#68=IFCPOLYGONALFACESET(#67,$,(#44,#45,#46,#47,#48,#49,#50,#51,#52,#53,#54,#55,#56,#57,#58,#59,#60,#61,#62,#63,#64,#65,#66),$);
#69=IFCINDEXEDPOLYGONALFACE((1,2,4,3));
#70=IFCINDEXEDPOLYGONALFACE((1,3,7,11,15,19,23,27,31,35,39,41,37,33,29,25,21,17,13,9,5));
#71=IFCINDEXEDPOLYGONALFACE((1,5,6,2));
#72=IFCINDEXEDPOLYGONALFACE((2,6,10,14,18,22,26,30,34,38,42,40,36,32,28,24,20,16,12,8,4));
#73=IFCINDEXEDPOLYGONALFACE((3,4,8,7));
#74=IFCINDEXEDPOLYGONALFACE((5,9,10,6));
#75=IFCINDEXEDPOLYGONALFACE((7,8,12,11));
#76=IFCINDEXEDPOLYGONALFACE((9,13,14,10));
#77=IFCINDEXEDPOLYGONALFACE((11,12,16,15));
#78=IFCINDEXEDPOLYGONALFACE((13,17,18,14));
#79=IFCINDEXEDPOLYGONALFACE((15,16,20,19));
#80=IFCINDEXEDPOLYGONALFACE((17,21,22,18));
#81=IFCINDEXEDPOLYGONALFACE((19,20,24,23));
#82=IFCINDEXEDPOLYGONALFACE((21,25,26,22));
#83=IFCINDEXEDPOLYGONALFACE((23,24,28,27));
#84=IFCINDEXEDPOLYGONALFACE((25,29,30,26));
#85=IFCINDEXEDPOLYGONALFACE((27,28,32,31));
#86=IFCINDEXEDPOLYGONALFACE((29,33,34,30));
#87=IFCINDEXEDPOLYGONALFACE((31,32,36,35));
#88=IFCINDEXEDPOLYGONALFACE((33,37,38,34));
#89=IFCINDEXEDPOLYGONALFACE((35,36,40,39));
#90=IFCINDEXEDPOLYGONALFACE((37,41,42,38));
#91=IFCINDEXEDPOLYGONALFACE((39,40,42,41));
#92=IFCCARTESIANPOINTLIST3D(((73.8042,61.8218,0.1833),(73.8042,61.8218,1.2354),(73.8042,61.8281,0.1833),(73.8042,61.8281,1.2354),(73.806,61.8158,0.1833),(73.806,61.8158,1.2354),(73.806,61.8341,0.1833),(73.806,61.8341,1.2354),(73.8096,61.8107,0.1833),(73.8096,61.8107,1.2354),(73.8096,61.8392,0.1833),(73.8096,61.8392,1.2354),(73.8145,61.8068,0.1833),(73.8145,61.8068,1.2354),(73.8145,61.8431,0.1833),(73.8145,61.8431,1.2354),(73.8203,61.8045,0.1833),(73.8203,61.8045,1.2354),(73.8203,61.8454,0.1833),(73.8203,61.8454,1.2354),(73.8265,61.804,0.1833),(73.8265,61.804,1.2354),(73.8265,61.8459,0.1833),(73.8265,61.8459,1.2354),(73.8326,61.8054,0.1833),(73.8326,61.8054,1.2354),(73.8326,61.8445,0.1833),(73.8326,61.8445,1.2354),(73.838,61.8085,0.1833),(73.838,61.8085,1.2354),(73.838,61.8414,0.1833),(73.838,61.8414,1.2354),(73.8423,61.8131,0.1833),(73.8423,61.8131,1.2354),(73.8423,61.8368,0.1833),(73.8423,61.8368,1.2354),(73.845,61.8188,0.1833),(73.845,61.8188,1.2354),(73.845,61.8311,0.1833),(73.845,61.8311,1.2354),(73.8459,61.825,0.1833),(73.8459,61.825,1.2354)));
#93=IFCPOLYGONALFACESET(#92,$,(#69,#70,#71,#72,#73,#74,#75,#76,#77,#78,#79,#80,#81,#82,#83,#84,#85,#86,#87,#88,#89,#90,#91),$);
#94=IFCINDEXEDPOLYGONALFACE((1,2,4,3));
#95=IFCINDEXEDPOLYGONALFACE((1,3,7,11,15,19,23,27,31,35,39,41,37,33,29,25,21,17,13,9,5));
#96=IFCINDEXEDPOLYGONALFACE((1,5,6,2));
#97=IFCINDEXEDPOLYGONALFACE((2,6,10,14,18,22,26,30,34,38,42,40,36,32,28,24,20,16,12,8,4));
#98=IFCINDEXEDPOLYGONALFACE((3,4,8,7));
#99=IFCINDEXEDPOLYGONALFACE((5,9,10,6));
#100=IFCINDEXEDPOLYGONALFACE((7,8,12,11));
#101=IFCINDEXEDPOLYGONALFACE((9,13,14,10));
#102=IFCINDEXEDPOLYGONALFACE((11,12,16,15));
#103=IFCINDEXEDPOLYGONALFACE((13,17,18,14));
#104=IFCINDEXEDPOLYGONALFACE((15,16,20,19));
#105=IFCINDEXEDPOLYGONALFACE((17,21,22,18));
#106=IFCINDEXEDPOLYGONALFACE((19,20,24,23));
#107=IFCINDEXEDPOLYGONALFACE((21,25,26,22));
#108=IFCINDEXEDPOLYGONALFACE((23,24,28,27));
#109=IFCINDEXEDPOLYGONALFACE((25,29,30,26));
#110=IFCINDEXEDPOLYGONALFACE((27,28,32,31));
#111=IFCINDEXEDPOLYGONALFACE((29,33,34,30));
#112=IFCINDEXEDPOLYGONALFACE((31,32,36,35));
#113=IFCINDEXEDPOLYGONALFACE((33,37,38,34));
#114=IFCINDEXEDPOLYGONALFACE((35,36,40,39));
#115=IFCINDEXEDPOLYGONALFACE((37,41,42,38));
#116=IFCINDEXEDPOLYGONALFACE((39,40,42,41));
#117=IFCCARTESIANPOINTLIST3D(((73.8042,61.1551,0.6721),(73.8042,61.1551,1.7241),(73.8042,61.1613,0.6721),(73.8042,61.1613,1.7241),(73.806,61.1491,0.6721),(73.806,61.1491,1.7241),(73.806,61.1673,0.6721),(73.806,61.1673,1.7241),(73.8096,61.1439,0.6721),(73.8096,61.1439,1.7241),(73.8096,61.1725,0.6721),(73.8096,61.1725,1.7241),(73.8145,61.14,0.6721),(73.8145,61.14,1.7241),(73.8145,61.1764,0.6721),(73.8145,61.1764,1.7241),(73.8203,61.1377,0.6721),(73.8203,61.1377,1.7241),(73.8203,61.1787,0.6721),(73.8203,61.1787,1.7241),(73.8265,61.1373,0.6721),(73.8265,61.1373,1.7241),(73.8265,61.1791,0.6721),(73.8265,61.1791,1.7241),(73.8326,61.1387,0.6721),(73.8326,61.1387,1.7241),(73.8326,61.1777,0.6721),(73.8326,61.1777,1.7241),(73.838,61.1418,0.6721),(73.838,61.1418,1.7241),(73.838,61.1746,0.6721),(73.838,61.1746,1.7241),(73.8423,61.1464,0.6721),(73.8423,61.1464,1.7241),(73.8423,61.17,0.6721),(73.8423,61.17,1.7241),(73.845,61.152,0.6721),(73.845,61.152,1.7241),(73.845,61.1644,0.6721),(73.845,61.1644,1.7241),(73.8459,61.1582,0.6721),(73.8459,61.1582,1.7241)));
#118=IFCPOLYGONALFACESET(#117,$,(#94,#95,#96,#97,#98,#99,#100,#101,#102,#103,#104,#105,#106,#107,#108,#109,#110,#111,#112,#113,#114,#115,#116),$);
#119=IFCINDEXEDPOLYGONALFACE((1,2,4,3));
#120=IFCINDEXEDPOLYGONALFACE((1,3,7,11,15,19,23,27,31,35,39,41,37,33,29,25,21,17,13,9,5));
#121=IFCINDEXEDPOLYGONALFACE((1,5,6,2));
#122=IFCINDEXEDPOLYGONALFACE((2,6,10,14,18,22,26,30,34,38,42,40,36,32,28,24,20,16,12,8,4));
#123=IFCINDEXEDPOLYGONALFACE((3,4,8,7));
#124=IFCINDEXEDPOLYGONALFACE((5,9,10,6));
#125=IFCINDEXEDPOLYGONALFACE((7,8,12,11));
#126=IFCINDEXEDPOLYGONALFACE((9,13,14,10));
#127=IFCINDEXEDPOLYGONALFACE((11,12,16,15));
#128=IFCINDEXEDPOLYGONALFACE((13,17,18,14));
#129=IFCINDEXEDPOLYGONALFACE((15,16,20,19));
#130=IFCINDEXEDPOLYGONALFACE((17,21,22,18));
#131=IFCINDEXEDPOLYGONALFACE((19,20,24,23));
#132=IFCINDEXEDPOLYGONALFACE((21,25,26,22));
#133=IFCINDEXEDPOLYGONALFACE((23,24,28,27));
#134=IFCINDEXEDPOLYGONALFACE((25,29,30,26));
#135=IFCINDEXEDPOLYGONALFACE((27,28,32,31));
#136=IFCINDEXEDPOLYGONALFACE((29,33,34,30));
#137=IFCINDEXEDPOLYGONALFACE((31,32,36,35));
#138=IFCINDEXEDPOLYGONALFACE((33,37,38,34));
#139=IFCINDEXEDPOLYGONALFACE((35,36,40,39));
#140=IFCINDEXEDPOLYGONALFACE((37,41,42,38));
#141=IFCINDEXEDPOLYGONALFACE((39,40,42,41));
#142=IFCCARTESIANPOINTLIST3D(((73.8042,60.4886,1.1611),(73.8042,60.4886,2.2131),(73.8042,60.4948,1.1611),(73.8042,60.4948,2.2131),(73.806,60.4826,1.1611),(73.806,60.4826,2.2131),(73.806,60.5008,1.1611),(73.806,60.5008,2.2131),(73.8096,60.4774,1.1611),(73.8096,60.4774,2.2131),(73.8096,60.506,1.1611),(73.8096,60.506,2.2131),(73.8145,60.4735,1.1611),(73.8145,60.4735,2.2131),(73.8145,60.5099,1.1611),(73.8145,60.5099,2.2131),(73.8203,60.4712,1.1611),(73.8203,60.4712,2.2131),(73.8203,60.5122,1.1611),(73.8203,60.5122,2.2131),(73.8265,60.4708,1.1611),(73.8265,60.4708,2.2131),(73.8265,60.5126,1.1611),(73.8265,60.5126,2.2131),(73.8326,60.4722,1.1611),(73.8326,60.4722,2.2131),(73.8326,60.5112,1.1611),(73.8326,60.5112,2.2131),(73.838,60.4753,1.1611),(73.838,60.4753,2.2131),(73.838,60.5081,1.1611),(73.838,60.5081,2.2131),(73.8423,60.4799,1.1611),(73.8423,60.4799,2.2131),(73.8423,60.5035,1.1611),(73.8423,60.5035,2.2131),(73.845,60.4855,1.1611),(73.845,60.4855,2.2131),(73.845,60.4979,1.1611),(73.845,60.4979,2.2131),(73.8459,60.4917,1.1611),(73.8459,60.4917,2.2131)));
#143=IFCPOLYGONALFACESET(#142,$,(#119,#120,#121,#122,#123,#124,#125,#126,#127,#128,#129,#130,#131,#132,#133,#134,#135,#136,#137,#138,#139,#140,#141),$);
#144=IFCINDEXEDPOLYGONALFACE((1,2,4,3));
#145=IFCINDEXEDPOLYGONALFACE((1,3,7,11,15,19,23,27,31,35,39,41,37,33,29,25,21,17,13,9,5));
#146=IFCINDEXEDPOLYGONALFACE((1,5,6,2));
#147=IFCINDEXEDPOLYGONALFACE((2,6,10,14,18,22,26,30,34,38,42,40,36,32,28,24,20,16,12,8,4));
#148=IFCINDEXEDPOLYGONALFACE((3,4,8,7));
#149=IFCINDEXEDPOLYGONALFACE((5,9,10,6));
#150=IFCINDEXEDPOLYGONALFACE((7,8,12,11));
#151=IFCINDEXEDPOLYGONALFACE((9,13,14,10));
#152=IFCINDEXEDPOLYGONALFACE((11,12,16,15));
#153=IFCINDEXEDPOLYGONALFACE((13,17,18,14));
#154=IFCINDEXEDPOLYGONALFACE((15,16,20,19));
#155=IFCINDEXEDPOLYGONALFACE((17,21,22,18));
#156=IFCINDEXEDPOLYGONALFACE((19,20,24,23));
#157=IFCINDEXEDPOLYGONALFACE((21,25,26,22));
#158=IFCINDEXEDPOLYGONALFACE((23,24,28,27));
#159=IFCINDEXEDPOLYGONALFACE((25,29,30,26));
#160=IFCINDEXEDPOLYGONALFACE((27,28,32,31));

* * *

(The task)
Apply a filter for "IFCPOLYGONALFACESET" to the entries and show each line that passes.

(Response for this exercise)
#68=IFCPOLYGONALFACESET(#67,$,(#44,#45,#46,#47,#48,#49,#50,#51,#52,#53,#54,#55,#56,#57,#58,#59,#60,#61,#62,#63,#64,#65,#66),$);
#93=IFCPOLYGONALFACESET(#92,$,(#69,#70,#71,#72,#73,#74,#75,#76,#77,#78,#79,#80,#81,#82,#83,#84,#85,#86,#87,#88,#89,#90,#91),$);
#118=IFCPOLYGONALFACESET(#117,$,(#94,#95,#96,#97,#98,#99,#100,#101,#102,#103,#104,#105,#106,#107,#108,#109,#110,#111,#112,#113,#114,#115,#116),$);
#143=IFCPOLYGONALFACESET(#142,$,(#119,#120,#121,#122,#123,#124,#125,#126,#127,#128,#129,#130,#131,#132,#133,#134,#135,#136,#137,#138,#139,#140,#141),$);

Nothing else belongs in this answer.